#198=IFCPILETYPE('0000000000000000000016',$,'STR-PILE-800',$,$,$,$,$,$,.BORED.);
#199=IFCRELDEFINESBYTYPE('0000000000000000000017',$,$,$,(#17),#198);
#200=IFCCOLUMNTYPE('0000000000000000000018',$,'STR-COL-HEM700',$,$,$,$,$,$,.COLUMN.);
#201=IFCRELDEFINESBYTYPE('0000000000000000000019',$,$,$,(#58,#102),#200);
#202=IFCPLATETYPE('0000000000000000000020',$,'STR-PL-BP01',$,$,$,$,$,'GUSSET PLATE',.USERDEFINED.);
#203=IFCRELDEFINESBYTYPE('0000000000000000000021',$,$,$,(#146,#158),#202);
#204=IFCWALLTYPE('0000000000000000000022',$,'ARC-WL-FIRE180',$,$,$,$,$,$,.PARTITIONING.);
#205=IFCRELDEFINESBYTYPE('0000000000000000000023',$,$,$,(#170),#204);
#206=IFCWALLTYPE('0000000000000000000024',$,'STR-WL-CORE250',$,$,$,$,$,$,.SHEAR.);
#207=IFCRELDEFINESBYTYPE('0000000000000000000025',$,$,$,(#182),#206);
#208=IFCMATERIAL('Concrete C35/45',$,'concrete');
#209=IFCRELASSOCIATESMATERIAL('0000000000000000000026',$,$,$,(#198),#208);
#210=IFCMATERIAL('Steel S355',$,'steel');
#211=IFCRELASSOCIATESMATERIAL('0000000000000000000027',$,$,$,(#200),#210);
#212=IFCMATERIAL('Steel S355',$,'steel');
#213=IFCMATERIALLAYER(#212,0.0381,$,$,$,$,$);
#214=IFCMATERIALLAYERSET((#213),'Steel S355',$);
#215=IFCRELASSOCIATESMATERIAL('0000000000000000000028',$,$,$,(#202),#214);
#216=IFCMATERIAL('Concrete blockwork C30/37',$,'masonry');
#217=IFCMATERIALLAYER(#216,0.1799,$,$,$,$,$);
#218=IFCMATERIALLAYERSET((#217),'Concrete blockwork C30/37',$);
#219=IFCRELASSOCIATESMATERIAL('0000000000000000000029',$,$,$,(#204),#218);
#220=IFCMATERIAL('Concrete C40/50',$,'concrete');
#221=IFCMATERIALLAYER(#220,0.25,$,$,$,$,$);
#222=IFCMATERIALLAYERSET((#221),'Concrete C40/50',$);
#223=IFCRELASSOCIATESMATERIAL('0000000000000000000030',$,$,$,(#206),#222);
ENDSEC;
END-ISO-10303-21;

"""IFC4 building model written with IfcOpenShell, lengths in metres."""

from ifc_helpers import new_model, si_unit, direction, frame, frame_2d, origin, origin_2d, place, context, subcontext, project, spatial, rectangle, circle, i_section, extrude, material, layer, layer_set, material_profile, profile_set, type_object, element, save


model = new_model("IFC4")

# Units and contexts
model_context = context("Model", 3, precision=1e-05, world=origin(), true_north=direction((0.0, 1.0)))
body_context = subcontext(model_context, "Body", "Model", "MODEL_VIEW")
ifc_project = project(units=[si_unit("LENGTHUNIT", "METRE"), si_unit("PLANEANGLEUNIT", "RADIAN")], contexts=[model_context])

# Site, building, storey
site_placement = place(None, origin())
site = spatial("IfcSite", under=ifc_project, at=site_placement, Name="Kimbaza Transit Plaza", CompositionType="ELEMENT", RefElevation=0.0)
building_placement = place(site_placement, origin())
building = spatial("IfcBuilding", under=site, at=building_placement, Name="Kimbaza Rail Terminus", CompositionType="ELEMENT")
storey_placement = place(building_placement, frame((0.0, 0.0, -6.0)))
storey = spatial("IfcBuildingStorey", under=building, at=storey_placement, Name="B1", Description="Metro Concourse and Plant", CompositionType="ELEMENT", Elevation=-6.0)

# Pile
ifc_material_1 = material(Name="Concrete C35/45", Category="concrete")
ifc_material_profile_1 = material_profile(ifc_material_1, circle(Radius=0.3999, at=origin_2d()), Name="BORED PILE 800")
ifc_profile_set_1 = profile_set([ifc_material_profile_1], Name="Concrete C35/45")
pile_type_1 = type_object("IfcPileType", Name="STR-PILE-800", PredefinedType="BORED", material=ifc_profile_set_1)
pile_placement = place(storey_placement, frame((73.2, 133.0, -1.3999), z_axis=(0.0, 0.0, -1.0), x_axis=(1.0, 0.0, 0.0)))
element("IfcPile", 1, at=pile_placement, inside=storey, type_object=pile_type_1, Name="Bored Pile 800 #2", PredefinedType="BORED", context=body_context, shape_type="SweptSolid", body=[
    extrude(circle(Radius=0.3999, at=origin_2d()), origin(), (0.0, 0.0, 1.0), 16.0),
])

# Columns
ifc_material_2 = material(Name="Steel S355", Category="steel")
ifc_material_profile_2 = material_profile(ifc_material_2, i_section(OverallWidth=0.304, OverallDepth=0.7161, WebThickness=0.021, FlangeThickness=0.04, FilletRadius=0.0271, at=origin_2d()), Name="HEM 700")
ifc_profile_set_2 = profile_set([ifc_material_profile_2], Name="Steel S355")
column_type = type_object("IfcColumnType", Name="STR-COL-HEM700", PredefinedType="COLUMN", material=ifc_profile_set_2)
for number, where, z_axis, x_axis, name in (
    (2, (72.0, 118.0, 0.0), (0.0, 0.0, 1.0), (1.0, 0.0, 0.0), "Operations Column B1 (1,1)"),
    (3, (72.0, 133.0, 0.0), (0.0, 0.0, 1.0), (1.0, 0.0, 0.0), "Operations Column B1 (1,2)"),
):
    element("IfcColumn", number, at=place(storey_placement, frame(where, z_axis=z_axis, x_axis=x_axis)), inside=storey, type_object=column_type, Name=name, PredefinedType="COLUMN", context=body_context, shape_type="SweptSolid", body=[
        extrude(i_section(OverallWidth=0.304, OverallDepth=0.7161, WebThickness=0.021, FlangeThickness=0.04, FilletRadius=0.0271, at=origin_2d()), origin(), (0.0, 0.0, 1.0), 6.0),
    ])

Work required> Write out every entry verbatim.

Result>
#198=IFCPILETYPE('0000000000000000000016',$,'STR-PILE-800',$,$,$,$,$,$,.BORED.);
#199=IFCRELDEFINESBYTYPE('0000000000000000000017',$,$,$,(#17),#198);
#200=IFCCOLUMNTYPE('0000000000000000000018',$,'STR-COL-HEM700',$,$,$,$,$,$,.COLUMN.);
#201=IFCRELDEFINESBYTYPE('0000000000000000000019',$,$,$,(#58,#102),#200);
#202=IFCPLATETYPE('0000000000000000000020',$,'STR-PL-BP01',$,$,$,$,$,'GUSSET PLATE',.USERDEFINED.);
#203=IFCRELDEFINESBYTYPE('0000000000000000000021',$,$,$,(#146,#158),#202);
#204=IFCWALLTYPE('0000000000000000000022',$,'ARC-WL-FIRE180',$,$,$,$,$,$,.PARTITIONING.);
#205=IFCRELDEFINESBYTYPE('0000000000000000000023',$,$,$,(#170),#204);
#206=IFCWALLTYPE('0000000000000000000024',$,'STR-WL-CORE250',$,$,$,$,$,$,.SHEAR.);
#207=IFCRELDEFINESBYTYPE('0000000000000000000025',$,$,$,(#182),#206);
#208=IFCMATERIAL('Concrete C35/45',$,'concrete');
#209=IFCRELASSOCIATESMATERIAL('0000000000000000000026',$,$,$,(#198),#208);
#210=IFCMATERIAL('Steel S355',$,'steel');
#211=IFCRELASSOCIATESMATERIAL('0000000000000000000027',$,$,$,(#200),#210);
#212=IFCMATERIAL('Steel S355',$,'steel');
#213=IFCMATERIALLAYER(#212,0.0381,$,$,$,$,$);
#214=IFCMATERIALLAYERSET((#213),'Steel S355',$);
#215=IFCRELASSOCIATESMATERIAL('0000000000000000000028',$,$,$,(#202),#214);
#216=IFCMATERIAL('Concrete blockwork C30/37',$,'masonry');
#217=IFCMATERIALLAYER(#216,0.1799,$,$,$,$,$);
#218=IFCMATERIALLAYERSET((#217),'Concrete blockwork C30/37',$);
#219=IFCRELASSOCIATESMATERIAL('0000000000000000000029',$,$,$,(#204),#218);
#220=IFCMATERIAL('Concrete C40/50',$,'concrete');
#221=IFCMATERIALLAYER(#220,0.25,$,$,$,$,$);
#222=IFCMATERIALLAYERSET((#221),'Concrete C40/50',$);
#223=IFCRELASSOCIATESMATERIAL('0000000000000000000030',$,$,$,(#206),#222);
ENDSEC;
END-ISO-10303-21;

"""IFC4 building model written with IfcOpenShell, lengths in metres."""

from ifc_helpers import new_model, si_unit, direction, frame, frame_2d, origin, origin_2d, place, context, subcontext, project, spatial, rectangle, circle, i_section, extrude, material, layer, layer_set, material_profile, profile_set, type_object, element, save


model = new_model("IFC4")

# Units and contexts
model_context = context("Model", 3, precision=1e-05, world=origin(), true_north=direction((0.0, 1.0)))
body_context = subcontext(model_context, "Body", "Model", "MODEL_VIEW")
ifc_project = project(units=[si_unit("LENGTHUNIT", "METRE"), si_unit("PLANEANGLEUNIT", "RADIAN")], contexts=[model_context])

# Site, building, storey
site_placement = place(None, origin())
site = spatial("IfcSite", under=ifc_project, at=site_placement, Name="Kimbaza Transit Plaza", CompositionType="ELEMENT", RefElevation=0.0)
building_placement = place(site_placement, origin())
building = spatial("IfcBuilding", under=site, at=building_placement, Name="Kimbaza Rail Terminus", CompositionType="ELEMENT")
storey_placement = place(building_placement, frame((0.0, 0.0, -6.0)))
storey = spatial("IfcBuildingStorey", under=building, at=storey_placement, Name="B1", Description="Metro Concourse and Plant", CompositionType="ELEMENT", Elevation=-6.0)

# Pile
ifc_material_1 = material(Name="Concrete C35/45", Category="concrete")
ifc_material_profile_1 = material_profile(ifc_material_1, circle(Radius=0.3999, at=origin_2d()), Name="BORED PILE 800")
ifc_profile_set_1 = profile_set([ifc_material_profile_1], Name="Concrete C35/45")
pile_type_1 = type_object("IfcPileType", Name="STR-PILE-800", PredefinedType="BORED", material=ifc_profile_set_1)
pile_placement = place(storey_placement, frame((73.2, 133.0, -1.3999), z_axis=(0.0, 0.0, -1.0), x_axis=(1.0, 0.0, 0.0)))
element("IfcPile", 1, at=pile_placement, inside=storey, type_object=pile_type_1, Name="Bored Pile 800 #2", PredefinedType="BORED", context=body_context, shape_type="SweptSolid", body=[
    extrude(circle(Radius=0.3999, at=origin_2d()), origin(), (0.0, 0.0, 1.0), 16.0),
])

# Columns
ifc_material_2 = material(Name="Steel S355", Category="steel")
ifc_material_profile_2 = material_profile(ifc_material_2, i_section(OverallWidth=0.304, OverallDepth=0.7161, WebThickness=0.021, FlangeThickness=0.04, FilletRadius=0.0271, at=origin_2d()), Name="HEM 700")
ifc_profile_set_2 = profile_set([ifc_material_profile_2], Name="Steel S355")
column_type = type_object("IfcColumnType", Name="STR-COL-HEM700", PredefinedType="COLUMN", material=ifc_profile_set_2)
for number, where, z_axis, x_axis, name in (
    (2, (72.0, 118.0, 0.0), (0.0, 0.0, 1.0), (1.0, 0.0, 0.0), "Operations Column B1 (1,1)"),
    (3, (72.0, 133.0, 0.0), (0.0, 0.0, 1.0), (1.0, 0.0, 0.0), "Operations Column B1 (1,2)"),
):
    element("IfcColumn", number, at=place(storey_placement, frame(where, z_axis=z_axis, x_axis=x_axis)), inside=storey, type_object=column_type, Name=name, PredefinedType="COLUMN", context=body_context, shape_type="SweptSolid", body=[
        extrude(i_section(OverallWidth=0.304, OverallDepth=0.7161, WebThickness=0.021, FlangeThickness=0.04, FilletRadius=0.0271, at=origin_2d()), origin(), (0.0, 0.0, 1.0), 6.0),
    ])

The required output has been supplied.